#### RECORDS
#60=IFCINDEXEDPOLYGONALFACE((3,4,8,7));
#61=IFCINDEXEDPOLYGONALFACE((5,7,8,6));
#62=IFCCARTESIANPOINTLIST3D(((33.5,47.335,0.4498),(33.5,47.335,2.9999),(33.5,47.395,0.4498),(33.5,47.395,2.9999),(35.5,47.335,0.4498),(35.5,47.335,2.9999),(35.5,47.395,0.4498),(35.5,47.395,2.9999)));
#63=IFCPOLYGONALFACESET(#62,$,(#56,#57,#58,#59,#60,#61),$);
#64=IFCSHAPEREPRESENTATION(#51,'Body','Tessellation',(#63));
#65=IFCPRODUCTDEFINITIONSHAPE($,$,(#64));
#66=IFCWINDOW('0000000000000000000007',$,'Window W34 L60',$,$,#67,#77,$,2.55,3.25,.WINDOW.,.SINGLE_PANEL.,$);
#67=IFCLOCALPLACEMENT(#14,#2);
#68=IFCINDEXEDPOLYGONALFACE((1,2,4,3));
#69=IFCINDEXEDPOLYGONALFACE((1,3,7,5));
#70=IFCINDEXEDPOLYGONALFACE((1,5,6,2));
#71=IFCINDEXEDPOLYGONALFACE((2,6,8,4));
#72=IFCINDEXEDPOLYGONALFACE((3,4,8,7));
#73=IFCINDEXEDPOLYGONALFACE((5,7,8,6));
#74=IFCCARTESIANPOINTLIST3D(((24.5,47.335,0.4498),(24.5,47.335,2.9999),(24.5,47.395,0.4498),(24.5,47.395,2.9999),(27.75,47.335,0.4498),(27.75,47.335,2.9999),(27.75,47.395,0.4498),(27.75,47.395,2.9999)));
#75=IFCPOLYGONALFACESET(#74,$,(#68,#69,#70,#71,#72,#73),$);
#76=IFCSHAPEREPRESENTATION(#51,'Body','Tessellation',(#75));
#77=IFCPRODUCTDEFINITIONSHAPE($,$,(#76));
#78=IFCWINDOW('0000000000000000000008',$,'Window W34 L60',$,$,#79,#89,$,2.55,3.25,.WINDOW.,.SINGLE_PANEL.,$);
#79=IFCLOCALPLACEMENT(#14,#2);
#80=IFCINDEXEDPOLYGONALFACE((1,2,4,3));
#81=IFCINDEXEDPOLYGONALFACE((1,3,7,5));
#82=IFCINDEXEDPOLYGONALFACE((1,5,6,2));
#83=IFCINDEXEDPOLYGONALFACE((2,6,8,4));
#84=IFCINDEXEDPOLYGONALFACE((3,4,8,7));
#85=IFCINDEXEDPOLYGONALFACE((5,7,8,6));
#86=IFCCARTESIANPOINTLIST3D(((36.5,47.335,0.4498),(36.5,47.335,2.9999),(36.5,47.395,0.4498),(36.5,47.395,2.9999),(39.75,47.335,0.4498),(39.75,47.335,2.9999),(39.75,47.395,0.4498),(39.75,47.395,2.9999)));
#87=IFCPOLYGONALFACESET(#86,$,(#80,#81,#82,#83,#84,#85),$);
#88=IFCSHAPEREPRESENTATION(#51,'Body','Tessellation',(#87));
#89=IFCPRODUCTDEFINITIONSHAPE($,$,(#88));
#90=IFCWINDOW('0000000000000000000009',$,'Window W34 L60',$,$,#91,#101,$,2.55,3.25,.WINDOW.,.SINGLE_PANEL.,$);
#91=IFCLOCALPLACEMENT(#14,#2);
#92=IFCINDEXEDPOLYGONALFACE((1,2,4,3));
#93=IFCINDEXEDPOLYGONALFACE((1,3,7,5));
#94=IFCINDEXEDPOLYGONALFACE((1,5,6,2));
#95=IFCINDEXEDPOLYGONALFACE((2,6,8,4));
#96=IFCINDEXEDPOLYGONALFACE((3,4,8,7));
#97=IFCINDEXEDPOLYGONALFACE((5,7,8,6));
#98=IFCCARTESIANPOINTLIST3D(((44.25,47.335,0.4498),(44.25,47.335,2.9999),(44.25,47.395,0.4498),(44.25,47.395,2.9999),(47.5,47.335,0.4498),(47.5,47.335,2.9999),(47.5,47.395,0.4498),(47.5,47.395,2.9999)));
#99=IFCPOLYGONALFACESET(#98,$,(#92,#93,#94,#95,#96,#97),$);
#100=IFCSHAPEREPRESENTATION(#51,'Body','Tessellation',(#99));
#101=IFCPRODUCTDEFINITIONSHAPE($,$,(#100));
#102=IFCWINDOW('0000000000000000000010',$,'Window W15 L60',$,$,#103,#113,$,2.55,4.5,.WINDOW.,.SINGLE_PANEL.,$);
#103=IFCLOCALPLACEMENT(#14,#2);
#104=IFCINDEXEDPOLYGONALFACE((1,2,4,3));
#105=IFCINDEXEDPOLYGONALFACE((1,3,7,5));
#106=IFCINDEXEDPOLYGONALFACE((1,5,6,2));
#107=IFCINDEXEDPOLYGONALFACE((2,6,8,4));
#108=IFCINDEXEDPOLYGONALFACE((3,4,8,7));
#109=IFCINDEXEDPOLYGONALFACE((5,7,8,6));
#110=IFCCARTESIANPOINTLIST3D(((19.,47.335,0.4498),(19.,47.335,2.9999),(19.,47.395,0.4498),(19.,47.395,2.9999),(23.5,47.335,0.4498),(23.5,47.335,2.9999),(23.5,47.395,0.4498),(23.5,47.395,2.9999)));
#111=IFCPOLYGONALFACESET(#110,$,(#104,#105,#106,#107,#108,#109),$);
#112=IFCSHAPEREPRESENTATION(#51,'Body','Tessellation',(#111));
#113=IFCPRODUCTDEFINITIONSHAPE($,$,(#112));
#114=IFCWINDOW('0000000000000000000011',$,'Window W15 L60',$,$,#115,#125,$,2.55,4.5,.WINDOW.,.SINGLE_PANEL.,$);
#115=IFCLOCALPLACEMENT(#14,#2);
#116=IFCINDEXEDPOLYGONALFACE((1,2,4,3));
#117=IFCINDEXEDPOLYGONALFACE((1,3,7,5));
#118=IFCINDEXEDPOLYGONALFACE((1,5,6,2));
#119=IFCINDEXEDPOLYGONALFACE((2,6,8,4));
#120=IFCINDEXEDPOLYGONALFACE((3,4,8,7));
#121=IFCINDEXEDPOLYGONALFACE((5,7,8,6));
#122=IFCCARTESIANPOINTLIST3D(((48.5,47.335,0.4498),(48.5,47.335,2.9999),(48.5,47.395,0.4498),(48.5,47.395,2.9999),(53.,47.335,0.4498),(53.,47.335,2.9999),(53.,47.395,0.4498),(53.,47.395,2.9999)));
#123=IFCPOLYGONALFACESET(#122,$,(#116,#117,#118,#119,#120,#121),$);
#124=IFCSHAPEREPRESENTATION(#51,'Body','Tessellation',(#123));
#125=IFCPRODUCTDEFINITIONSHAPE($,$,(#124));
########
**EXERCISE DIRECTIONS**
The required output is the whole listing, printed again exactly.

**YOUR SOLUTION**
#60=IFCINDEXEDPOLYGONALFACE((3,4,8,7));
#61=IFCINDEXEDPOLYGONALFACE((5,7,8,6));
#62=IFCCARTESIANPOINTLIST3D(((33.5,47.335,0.4498),(33.5,47.335,2.9999),(33.5,47.395,0.4498),(33.5,47.395,2.9999),(35.5,47.335,0.4498),(35.5,47.335,2.9999),(35.5,47.395,0.4498),(35.5,47.395,2.9999)));
#63=IFCPOLYGONALFACESET(#62,$,(#56,#57,#58,#59,#60,#61),$);
#64=IFCSHAPEREPRESENTATION(#51,'Body','Tessellation',(#63));
#65=IFCPRODUCTDEFINITIONSHAPE($,$,(#64));
#66=IFCWINDOW('0000000000000000000007',$,'Window W34 L60',$,$,#67,#77,$,2.55,3.25,.WINDOW.,.SINGLE_PANEL.,$);
#67=IFCLOCALPLACEMENT(#14,#2);
#68=IFCINDEXEDPOLYGONALFACE((1,2,4,3));
#69=IFCINDEXEDPOLYGONALFACE((1,3,7,5));
#70=IFCINDEXEDPOLYGONALFACE((1,5,6,2));
#71=IFCINDEXEDPOLYGONALFACE((2,6,8,4));
#72=IFCINDEXEDPOLYGONALFACE((3,4,8,7));
#73=IFCINDEXEDPOLYGONALFACE((5,7,8,6));
#74=IFCCARTESIANPOINTLIST3D(((24.5,47.335,0.4498),(24.5,47.335,2.9999),(24.5,47.395,0.4498),(24.5,47.395,2.9999),(27.75,47.335,0.4498),(27.75,47.335,2.9999),(27.75,47.395,0.4498),(27.75,47.395,2.9999)));
#75=IFCPOLYGONALFACESET(#74,$,(#68,#69,#70,#71,#72,#73),$);
#76=IFCSHAPEREPRESENTATION(#51,'Body','Tessellation',(#75));
#77=IFCPRODUCTDEFINITIONSHAPE($,$,(#76));
#78=IFCWINDOW('0000000000000000000008',$,'Window W34 L60',$,$,#79,#89,$,2.55,3.25,.WINDOW.,.SINGLE_PANEL.,$);
#79=IFCLOCALPLACEMENT(#14,#2);
#80=IFCINDEXEDPOLYGONALFACE((1,2,4,3));
#81=IFCINDEXEDPOLYGONALFACE((1,3,7,5));
#82=IFCINDEXEDPOLYGONALFACE((1,5,6,2));
#83=IFCINDEXEDPOLYGONALFACE((2,6,8,4));
#84=IFCINDEXEDPOLYGONALFACE((3,4,8,7));
#85=IFCINDEXEDPOLYGONALFACE((5,7,8,6));
#86=IFCCARTESIANPOINTLIST3D(((36.5,47.335,0.4498),(36.5,47.335,2.9999),(36.5,47.395,0.4498),(36.5,47.395,2.9999),(39.75,47.335,0.4498),(39.75,47.335,2.9999),(39.75,47.395,0.4498),(39.75,47.395,2.9999)));
#87=IFCPOLYGONALFACESET(#86,$,(#80,#81,#82,#83,#84,#85),$);
#88=IFCSHAPEREPRESENTATION(#51,'Body','Tessellation',(#87));
#89=IFCPRODUCTDEFINITIONSHAPE($,$,(#88));
#90=IFCWINDOW('0000000000000000000009',$,'Window W34 L60',$,$,#91,#101,$,2.55,3.25,.WINDOW.,.SINGLE_PANEL.,$);
#91=IFCLOCALPLACEMENT(#14,#2);
#92=IFCINDEXEDPOLYGONALFACE((1,2,4,3));
#93=IFCINDEXEDPOLYGONALFACE((1,3,7,5));
#94=IFCINDEXEDPOLYGONALFACE((1,5,6,2));
#95=IFCINDEXEDPOLYGONALFACE((2,6,8,4));
#96=IFCINDEXEDPOLYGONALFACE((3,4,8,7));
#97=IFCINDEXEDPOLYGONALFACE((5,7,8,6));
#98=IFCCARTESIANPOINTLIST3D(((44.25,47.335,0.4498),(44.25,47.335,2.9999),(44.25,47.395,0.4498),(44.25,47.395,2.9999),(47.5,47.335,0.4498),(47.5,47.335,2.9999),(47.5,47.395,0.4498),(47.5,47.395,2.9999)));
#99=IFCPOLYGONALFACESET(#98,$,(#92,#93,#94,#95,#96,#97),$);
#100=IFCSHAPEREPRESENTATION(#51,'Body','Tessellation',(#99));
#101=IFCPRODUCTDEFINITIONSHAPE($,$,(#100));
#102=IFCWINDOW('0000000000000000000010',$,'Window W15 L60',$,$,#103,#113,$,2.55,4.5,.WINDOW.,.SINGLE_PANEL.,$);
#103=IFCLOCALPLACEMENT(#14,#2);
#104=IFCINDEXEDPOLYGONALFACE((1,2,4,3));
#105=IFCINDEXEDPOLYGONALFACE((1,3,7,5));
#106=IFCINDEXEDPOLYGONALFACE((1,5,6,2));
#107=IFCINDEXEDPOLYGONALFACE((2,6,8,4));
#108=IFCINDEXEDPOLYGONALFACE((3,4,8,7));
#109=IFCINDEXEDPOLYGONALFACE((5,7,8,6));
#110=IFCCARTESIANPOINTLIST3D(((19.,47.335,0.4498),(19.,47.335,2.9999),(19.,47.395,0.4498),(19.,47.395,2.9999),(23.5,47.335,0.4498),(23.5,47.335,2.9999),(23.5,47.395,0.4498),(23.5,47.395,2.9999)));
#111=IFCPOLYGONALFACESET(#110,$,(#104,#105,#106,#107,#108,#109),$);
#112=IFCSHAPEREPRESENTATION(#51,'Body','Tessellation',(#111));
#113=IFCPRODUCTDEFINITIONSHAPE($,$,(#112));
#114=IFCWINDOW('0000000000000000000011',$,'Window W15 L60',$,$,#115,#125,$,2.55,4.5,.WINDOW.,.SINGLE_PANEL.,$);
#115=IFCLOCALPLACEMENT(#14,#2);
#116=IFCINDEXEDPOLYGONALFACE((1,2,4,3));
#117=IFCINDEXEDPOLYGONALFACE((1,3,7,5));
#118=IFCINDEXEDPOLYGONALFACE((1,5,6,2));
#119=IFCINDEXEDPOLYGONALFACE((2,6,8,4));
#120=IFCINDEXEDPOLYGONALFACE((3,4,8,7));
#121=IFCINDEXEDPOLYGONALFACE((5,7,8,6));
#122=IFCCARTESIANPOINTLIST3D(((48.5,47.335,0.4498),(48.5,47.335,2.9999),(48.5,47.395,0.4498),(48.5,47.395,2.9999),(53.,47.335,0.4498),(53.,47.335,2.9999),(53.,47.395,0.4498),(53.,47.395,2.9999)));
#123=IFCPOLYGONALFACESET(#122,$,(#116,#117,#118,#119,#120,#121),$);
#124=IFCSHAPEREPRESENTATION(#51,'Body','Tessellation',(#123));
#125=IFCPRODUCTDEFINITIONSHAPE($,$,(#124));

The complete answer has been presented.